[Collected data]

───

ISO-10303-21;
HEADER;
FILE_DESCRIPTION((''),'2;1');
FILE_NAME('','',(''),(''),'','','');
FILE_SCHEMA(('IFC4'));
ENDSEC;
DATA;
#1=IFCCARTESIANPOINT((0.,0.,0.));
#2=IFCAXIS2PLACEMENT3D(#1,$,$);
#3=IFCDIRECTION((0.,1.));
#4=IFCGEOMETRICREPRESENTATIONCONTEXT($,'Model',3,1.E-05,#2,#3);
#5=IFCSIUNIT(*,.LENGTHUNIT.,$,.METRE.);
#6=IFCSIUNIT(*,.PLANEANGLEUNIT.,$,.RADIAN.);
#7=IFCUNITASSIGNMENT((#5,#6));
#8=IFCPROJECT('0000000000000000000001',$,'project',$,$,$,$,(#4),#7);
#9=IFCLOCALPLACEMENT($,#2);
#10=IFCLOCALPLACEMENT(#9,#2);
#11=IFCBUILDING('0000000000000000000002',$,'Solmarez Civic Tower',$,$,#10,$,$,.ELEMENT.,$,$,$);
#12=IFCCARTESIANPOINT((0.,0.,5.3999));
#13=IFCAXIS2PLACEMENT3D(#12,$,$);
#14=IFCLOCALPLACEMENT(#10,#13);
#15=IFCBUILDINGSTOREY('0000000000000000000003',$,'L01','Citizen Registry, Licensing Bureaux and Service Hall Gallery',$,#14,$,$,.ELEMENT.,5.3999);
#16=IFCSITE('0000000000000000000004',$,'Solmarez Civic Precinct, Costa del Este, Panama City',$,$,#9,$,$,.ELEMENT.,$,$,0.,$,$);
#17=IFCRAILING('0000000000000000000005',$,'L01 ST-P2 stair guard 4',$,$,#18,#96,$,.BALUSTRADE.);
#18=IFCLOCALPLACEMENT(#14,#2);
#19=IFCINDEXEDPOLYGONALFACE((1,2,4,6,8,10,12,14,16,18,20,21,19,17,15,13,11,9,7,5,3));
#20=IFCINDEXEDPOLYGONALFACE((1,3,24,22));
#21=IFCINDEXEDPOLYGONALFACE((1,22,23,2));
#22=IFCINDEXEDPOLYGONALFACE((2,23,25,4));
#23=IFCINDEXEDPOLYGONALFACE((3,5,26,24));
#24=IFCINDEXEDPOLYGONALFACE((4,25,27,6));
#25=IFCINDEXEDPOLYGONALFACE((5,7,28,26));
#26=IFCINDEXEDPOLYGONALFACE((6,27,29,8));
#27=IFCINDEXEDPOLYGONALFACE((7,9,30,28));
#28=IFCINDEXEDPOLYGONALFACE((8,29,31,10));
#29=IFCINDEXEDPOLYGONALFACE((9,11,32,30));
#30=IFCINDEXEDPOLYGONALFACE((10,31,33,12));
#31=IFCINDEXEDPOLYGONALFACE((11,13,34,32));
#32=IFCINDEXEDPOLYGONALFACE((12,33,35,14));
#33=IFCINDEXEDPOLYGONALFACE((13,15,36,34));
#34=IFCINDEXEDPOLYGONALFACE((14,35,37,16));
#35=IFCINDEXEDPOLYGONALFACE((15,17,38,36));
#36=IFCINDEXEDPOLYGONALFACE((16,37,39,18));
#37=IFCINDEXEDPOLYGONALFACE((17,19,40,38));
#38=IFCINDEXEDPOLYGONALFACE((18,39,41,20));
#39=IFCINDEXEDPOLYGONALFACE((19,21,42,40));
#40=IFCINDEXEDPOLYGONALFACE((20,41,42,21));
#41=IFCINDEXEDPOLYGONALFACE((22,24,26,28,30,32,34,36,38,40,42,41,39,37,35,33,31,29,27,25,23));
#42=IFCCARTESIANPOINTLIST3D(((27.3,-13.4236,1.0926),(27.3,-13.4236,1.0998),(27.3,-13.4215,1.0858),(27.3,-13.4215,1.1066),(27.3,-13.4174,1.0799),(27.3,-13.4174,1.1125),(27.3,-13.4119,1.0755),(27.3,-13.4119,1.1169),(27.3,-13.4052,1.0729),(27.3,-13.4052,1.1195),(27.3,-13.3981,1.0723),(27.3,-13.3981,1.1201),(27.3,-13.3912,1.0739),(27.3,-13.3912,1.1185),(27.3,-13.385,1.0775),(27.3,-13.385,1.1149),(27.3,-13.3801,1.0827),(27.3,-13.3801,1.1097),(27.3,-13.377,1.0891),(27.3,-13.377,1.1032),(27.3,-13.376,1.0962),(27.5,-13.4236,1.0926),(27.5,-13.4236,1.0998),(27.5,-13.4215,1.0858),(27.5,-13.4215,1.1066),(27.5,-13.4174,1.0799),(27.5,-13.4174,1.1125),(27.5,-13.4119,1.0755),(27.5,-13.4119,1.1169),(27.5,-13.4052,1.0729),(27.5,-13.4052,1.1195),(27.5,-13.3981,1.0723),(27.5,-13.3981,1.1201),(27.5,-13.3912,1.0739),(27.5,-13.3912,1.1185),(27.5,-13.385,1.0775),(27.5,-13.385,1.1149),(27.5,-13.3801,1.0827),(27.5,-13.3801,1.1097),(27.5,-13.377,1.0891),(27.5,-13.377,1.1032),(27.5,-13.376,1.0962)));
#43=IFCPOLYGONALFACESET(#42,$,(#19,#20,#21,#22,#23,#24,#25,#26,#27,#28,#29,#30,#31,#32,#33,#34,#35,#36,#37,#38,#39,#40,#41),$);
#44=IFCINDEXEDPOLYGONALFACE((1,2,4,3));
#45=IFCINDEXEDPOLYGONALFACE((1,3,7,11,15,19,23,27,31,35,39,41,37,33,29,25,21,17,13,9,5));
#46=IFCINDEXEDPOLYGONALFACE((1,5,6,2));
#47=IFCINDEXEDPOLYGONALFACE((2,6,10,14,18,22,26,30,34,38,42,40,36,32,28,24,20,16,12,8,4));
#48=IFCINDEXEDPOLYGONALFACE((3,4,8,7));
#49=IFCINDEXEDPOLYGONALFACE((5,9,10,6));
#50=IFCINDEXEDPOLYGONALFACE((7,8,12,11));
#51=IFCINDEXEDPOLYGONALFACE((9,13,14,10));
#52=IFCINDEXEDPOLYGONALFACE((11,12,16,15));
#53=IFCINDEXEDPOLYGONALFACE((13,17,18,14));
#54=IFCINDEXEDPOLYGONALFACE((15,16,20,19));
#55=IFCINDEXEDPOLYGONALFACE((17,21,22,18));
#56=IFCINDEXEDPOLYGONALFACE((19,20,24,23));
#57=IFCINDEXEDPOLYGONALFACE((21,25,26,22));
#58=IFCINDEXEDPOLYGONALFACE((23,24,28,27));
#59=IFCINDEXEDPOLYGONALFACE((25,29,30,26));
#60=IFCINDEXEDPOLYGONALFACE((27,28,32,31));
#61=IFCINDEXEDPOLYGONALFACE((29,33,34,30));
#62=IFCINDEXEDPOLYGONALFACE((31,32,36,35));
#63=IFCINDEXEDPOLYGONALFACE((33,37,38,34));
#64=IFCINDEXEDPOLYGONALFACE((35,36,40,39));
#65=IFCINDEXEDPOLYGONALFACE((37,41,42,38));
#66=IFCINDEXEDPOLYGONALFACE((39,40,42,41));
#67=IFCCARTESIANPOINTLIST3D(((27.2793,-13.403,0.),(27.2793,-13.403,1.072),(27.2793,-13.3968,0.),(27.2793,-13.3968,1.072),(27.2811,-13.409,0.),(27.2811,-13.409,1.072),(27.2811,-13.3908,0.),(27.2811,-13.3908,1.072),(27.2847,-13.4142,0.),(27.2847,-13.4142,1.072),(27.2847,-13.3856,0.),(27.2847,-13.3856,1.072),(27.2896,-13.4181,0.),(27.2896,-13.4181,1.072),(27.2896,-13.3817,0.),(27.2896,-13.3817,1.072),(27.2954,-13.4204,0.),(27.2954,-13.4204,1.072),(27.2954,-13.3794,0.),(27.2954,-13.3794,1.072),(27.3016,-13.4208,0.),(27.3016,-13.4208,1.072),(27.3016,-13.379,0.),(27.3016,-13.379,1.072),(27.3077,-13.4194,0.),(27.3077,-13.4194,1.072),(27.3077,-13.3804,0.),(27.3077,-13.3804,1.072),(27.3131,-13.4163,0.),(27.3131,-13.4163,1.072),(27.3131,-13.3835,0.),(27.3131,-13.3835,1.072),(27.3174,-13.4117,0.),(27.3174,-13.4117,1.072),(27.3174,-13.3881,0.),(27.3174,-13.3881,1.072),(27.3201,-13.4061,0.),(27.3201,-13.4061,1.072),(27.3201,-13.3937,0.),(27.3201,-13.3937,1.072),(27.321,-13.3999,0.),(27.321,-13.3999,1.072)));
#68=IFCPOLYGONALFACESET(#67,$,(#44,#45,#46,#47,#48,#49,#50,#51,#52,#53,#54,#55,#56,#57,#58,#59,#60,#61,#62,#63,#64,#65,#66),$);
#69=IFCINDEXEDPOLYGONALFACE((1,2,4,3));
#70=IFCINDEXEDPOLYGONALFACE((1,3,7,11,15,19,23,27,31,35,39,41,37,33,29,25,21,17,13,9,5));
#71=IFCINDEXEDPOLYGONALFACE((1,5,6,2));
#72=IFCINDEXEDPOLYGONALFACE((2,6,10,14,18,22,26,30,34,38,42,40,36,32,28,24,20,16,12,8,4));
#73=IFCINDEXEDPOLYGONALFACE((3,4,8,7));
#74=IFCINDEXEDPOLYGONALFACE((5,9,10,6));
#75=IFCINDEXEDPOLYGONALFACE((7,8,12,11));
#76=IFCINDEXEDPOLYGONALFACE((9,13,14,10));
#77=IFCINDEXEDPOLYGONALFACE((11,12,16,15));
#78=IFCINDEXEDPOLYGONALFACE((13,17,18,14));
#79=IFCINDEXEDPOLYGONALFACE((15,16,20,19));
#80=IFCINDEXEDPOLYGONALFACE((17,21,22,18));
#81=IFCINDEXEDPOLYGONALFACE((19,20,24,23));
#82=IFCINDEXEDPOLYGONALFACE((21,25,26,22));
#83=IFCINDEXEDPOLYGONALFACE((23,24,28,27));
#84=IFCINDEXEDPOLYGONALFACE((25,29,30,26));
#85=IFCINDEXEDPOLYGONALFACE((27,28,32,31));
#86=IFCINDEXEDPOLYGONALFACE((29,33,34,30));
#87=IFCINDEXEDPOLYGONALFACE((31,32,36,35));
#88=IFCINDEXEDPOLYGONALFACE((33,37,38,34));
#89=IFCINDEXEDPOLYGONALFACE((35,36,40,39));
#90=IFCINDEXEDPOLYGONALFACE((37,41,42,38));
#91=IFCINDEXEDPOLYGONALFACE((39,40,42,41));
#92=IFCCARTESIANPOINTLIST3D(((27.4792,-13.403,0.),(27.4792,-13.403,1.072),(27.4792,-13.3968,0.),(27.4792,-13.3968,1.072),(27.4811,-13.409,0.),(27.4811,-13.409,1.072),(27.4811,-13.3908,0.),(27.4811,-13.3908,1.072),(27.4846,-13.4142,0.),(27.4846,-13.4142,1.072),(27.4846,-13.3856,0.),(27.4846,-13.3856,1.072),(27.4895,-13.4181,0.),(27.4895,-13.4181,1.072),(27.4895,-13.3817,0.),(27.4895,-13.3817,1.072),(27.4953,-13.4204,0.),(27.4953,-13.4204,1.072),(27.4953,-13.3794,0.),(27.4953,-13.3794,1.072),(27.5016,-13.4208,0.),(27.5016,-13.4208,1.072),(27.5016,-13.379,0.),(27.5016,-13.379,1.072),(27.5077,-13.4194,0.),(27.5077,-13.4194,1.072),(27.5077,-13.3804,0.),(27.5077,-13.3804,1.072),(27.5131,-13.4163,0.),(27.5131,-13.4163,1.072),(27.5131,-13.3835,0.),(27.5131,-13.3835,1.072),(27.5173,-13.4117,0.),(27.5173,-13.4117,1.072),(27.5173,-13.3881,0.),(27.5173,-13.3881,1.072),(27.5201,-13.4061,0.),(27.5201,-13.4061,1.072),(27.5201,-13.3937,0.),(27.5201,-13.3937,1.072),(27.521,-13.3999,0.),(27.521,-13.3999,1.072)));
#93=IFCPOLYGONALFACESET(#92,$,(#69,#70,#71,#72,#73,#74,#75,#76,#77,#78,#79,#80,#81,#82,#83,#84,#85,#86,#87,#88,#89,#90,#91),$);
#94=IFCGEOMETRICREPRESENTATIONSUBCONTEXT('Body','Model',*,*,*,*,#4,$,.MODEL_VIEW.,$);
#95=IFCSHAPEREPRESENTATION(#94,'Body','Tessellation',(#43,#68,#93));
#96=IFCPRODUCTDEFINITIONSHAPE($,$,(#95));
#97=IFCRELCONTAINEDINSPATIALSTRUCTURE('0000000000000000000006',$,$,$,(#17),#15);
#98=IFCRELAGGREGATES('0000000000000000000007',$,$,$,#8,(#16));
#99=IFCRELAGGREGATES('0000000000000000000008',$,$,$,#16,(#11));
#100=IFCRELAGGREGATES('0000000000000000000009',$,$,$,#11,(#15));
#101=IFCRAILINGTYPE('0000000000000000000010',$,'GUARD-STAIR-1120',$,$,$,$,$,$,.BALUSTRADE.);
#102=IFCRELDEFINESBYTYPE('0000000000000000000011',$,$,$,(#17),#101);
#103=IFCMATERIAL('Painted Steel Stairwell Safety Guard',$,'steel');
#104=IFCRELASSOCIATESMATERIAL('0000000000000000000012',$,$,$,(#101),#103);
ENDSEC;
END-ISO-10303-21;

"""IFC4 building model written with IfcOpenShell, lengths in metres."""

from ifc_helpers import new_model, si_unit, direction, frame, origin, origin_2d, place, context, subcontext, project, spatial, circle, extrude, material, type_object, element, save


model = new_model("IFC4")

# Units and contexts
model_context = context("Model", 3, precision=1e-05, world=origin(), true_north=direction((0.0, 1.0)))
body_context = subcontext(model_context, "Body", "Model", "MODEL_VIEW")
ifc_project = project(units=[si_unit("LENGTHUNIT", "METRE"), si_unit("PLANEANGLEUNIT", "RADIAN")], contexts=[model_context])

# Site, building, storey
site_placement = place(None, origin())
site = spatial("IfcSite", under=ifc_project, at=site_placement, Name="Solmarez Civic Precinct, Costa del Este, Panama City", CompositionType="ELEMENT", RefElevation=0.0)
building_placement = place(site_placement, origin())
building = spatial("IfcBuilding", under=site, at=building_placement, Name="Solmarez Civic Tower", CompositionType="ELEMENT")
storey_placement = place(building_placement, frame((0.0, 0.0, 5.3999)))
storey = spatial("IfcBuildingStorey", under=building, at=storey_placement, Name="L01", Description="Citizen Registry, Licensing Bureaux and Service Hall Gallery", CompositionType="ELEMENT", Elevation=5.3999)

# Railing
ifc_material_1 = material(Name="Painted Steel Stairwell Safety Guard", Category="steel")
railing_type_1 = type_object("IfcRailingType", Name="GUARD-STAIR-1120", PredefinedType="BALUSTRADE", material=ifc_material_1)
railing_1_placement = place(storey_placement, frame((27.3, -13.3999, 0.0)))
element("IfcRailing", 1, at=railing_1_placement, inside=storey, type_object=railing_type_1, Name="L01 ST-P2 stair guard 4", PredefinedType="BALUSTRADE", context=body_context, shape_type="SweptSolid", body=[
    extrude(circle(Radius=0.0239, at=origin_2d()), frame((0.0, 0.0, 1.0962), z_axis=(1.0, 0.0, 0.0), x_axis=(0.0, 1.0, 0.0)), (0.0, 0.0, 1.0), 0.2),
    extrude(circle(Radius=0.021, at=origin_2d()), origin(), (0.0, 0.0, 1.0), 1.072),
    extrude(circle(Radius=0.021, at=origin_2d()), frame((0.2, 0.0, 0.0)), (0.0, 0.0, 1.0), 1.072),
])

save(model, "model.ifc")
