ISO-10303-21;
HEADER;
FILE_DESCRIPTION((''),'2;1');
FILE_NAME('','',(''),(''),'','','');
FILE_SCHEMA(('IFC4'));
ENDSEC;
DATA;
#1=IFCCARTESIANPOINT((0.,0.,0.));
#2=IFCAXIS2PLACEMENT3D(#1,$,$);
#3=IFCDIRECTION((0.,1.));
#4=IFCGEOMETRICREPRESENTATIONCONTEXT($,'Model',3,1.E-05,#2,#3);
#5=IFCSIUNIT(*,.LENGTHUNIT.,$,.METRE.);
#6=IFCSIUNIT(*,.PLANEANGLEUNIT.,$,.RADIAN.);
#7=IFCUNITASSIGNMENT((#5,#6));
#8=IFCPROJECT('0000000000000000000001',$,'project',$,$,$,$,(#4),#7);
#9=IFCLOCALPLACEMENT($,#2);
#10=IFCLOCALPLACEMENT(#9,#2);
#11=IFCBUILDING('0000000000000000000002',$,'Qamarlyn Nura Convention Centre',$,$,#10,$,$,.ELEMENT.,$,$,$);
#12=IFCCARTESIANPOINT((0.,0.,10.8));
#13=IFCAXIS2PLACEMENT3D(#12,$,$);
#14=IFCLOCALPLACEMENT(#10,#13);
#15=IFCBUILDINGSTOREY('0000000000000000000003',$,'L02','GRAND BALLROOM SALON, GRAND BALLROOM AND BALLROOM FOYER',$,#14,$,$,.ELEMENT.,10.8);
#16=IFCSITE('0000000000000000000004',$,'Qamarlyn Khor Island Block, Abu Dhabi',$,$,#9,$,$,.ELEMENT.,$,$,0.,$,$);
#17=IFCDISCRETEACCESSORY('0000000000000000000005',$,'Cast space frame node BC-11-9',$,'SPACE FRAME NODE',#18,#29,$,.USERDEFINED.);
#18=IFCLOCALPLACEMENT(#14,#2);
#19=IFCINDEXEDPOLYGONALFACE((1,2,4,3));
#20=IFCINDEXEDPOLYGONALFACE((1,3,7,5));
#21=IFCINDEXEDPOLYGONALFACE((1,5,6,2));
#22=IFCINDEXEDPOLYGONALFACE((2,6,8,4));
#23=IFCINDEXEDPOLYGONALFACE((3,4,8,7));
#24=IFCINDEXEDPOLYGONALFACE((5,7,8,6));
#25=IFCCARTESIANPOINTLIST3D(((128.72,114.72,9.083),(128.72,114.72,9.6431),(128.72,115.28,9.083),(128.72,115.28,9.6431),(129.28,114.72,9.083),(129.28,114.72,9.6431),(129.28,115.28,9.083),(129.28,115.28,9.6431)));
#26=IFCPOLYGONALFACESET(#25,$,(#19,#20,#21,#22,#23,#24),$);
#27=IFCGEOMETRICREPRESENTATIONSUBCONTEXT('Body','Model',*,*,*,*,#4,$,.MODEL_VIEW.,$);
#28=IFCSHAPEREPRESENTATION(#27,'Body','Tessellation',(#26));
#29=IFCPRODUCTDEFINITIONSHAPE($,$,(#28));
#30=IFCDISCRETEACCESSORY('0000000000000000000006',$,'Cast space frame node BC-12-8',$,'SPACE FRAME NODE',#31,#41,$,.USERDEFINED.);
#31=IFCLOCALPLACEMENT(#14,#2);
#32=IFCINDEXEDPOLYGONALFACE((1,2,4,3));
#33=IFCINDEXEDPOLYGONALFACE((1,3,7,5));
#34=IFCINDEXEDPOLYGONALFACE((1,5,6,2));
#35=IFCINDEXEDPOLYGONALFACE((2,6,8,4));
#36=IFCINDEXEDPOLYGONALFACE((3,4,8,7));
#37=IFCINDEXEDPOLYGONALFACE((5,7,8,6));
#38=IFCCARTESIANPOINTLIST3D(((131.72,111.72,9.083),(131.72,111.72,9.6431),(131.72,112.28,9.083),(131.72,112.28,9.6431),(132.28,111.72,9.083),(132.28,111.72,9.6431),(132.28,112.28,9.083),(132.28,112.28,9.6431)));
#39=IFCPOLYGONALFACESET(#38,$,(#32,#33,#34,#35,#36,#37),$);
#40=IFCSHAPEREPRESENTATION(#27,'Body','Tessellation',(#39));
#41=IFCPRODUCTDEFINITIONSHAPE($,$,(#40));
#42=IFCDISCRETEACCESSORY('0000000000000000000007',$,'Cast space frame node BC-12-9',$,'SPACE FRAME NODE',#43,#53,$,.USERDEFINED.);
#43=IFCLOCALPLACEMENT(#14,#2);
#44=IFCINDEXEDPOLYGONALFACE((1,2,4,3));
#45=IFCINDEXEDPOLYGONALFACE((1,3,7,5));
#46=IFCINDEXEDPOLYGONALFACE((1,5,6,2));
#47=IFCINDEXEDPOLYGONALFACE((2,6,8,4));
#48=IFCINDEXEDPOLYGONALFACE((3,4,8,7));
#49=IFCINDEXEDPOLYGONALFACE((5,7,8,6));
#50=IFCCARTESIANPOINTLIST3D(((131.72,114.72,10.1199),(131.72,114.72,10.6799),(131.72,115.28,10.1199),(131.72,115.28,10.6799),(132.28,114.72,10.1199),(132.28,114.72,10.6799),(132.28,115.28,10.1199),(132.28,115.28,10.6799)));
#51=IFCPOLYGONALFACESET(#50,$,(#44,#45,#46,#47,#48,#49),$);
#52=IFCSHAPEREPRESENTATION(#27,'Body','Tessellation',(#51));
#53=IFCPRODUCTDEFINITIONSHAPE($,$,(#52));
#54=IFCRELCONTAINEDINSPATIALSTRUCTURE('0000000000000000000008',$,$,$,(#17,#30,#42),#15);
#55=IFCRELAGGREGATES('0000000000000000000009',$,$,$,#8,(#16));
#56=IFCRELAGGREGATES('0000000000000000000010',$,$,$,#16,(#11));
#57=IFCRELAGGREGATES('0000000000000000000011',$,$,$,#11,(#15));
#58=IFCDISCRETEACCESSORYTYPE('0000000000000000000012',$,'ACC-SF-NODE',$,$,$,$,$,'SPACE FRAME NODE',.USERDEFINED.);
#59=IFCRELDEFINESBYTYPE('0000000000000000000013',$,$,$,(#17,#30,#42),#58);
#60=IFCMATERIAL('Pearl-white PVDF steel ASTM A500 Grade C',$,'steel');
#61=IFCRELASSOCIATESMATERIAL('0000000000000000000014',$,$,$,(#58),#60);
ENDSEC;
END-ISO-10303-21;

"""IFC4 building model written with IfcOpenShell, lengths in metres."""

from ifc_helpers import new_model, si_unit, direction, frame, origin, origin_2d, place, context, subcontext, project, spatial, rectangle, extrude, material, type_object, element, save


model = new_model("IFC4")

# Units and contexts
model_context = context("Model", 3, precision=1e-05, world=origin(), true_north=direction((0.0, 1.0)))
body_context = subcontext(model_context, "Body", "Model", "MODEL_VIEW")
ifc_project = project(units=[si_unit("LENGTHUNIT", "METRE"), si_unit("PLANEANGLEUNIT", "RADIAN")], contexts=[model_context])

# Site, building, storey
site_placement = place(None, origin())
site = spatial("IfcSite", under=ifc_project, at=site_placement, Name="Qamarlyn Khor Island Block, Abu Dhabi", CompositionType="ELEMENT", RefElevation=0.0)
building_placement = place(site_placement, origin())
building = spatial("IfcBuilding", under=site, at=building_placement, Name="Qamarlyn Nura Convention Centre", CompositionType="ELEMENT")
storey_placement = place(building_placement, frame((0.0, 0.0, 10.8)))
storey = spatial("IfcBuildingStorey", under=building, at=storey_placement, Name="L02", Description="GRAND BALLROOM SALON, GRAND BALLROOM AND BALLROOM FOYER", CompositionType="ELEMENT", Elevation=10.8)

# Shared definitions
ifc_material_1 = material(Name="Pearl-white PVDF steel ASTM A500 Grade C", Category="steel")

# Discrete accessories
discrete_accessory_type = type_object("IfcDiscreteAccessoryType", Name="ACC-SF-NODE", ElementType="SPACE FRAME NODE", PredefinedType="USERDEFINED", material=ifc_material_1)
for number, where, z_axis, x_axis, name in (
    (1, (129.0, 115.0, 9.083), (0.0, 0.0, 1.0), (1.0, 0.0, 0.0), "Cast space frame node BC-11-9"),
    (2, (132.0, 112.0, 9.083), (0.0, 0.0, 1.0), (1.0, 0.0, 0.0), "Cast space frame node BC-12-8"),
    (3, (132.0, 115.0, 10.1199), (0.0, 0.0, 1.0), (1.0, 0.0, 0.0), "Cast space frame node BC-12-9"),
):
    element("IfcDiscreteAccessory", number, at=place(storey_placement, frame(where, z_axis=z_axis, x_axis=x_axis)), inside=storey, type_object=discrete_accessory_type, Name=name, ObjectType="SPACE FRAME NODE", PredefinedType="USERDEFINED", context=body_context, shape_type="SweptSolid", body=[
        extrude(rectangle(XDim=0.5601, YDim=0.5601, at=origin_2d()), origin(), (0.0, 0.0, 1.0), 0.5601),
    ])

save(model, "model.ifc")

───

WORK ORDER: Restate word for word only the lines above from the line containing "#63=IFCINDEXEDPOLYGONALFACE((33,37,38,34));" to the line containing "#71=IFCINDEXEDPOLYGONALFACE((1,5,6,2));", both of them included.

RESPONSE TO THIS EXERCISE:
#63=IFCINDEXEDPOLYGONALFACE((33,37,38,34));
#64=IFCINDEXEDPOLYGONALFACE((35,36,40,39));
#65=IFCINDEXEDPOLYGONALFACE((37,41,42,38));
#66=IFCINDEXEDPOLYGONALFACE((39,40,42,41));
#67=IFCCARTESIANPOINTLIST3D(((27.2793,-13.403,0.),(27.2793,-13.403,1.072),(27.2793,-13.3968,0.),(27.2793,-13.3968,1.072),(27.2811,-13.409,0.),(27.2811,-13.409,1.072),(27.2811,-13.3908,0.),(27.2811,-13.3908,1.072),(27.2847,-13.4142,0.),(27.2847,-13.4142,1.072),(27.2847,-13.3856,0.),(27.2847,-13.3856,1.072),(27.2896,-13.4181,0.),(27.2896,-13.4181,1.072),(27.2896,-13.3817,0.),(27.2896,-13.3817,1.072),(27.2954,-13.4204,0.),(27.2954,-13.4204,1.072),(27.2954,-13.3794,0.),(27.2954,-13.3794,1.072),(27.3016,-13.4208,0.),(27.3016,-13.4208,1.072),(27.3016,-13.379,0.),(27.3016,-13.379,1.072),(27.3077,-13.4194,0.),(27.3077,-13.4194,1.072),(27.3077,-13.3804,0.),(27.3077,-13.3804,1.072),(27.3131,-13.4163,0.),(27.3131,-13.4163,1.072),(27.3131,-13.3835,0.),(27.3131,-13.3835,1.072),(27.3174,-13.4117,0.),(27.3174,-13.4117,1.072),(27.3174,-13.3881,0.),(27.3174,-13.3881,1.072),(27.3201,-13.4061,0.),(27.3201,-13.4061,1.072),(27.3201,-13.3937,0.),(27.3201,-13.3937,1.072),(27.321,-13.3999,0.),(27.321,-13.3999,1.072)));
#68=IFCPOLYGONALFACESET(#67,$,(#44,#45,#46,#47,#48,#49,#50,#51,#52,#53,#54,#55,#56,#57,#58,#59,#60,#61,#62,#63,#64,#65,#66),$);
#69=IFCINDEXEDPOLYGONALFACE((1,2,4,3));
#70=IFCINDEXEDPOLYGONALFACE((1,3,7,11,15,19,23,27,31,35,39,41,37,33,29,25,21,17,13,9,5));
#71=IFCINDEXEDPOLYGONALFACE((1,5,6,2));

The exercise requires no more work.